Data for this task -
▬▬▬

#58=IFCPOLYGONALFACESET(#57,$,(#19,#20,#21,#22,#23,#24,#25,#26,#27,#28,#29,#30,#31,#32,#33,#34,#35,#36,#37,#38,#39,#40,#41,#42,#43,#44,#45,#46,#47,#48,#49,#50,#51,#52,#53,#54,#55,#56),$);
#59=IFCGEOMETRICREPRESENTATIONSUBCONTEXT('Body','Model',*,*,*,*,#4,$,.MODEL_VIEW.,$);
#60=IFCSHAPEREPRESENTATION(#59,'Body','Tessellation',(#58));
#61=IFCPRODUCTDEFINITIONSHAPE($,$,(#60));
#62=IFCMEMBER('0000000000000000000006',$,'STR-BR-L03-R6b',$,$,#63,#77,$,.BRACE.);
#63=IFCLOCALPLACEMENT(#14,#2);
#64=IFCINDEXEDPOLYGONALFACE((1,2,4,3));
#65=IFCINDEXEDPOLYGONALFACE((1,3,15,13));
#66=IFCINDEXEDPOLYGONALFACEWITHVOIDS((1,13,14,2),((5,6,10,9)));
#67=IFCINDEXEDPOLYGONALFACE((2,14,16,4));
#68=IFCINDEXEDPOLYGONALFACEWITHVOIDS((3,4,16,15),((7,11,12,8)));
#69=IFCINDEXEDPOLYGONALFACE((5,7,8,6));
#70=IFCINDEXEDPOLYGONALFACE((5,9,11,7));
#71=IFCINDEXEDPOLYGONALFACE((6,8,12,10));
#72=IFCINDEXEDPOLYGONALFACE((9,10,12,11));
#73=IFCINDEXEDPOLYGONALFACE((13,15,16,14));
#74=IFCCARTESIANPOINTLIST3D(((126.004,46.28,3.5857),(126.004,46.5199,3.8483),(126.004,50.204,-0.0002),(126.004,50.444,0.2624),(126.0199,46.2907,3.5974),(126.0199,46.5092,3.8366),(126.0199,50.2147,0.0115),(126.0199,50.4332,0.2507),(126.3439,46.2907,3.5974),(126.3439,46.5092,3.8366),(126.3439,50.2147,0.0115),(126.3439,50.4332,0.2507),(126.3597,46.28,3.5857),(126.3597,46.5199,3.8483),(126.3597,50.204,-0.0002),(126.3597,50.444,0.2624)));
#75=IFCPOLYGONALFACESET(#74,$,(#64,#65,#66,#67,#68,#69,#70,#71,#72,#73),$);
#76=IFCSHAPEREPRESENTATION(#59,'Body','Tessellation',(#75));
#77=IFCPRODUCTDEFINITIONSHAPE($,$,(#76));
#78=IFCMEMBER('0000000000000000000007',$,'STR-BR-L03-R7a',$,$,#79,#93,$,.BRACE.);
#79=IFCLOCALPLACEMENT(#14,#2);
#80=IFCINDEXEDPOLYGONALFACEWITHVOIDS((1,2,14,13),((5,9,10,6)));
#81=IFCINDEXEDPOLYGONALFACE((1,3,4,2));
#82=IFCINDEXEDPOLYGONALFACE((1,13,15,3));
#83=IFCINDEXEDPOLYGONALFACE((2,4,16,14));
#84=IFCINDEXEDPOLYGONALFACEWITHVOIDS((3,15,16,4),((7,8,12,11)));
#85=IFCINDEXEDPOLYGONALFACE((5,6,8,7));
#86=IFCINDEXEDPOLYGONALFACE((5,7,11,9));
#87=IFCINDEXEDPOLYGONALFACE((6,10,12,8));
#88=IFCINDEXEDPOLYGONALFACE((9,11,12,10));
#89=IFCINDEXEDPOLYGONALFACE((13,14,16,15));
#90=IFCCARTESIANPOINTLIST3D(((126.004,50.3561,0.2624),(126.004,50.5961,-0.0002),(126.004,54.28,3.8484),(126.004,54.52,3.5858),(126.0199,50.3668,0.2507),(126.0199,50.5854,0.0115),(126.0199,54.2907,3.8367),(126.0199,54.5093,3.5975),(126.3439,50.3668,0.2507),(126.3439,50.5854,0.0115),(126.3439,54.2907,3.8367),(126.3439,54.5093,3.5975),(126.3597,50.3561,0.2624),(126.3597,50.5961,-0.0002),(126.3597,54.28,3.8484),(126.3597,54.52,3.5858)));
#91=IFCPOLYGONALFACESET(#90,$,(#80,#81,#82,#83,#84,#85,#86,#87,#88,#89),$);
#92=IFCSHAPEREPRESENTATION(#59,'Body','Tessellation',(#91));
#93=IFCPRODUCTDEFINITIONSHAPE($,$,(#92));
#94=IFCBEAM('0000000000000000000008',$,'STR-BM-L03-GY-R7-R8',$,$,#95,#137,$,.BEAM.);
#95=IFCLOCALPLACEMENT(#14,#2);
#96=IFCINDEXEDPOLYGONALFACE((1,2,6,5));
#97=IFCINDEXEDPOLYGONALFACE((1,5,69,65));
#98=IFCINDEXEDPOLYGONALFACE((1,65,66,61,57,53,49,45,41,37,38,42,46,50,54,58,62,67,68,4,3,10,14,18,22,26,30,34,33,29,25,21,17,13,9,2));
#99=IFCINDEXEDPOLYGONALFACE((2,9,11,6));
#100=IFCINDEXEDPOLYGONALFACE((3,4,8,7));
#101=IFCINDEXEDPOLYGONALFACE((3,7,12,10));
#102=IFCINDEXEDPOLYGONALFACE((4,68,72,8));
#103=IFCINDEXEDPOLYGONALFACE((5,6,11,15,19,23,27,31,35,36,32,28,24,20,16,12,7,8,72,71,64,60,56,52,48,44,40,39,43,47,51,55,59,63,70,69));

▬▬▬

What is required -
Copy out each line of the material in which the word "IFCSHAPEREPRESENTATION" turns up.

Solution -
#60=IFCSHAPEREPRESENTATION(#59,'Body','Tessellation',(#58));
#76=IFCSHAPEREPRESENTATION(#59,'Body','Tessellation',(#75));
#92=IFCSHAPEREPRESENTATION(#59,'Body','Tessellation',(#91));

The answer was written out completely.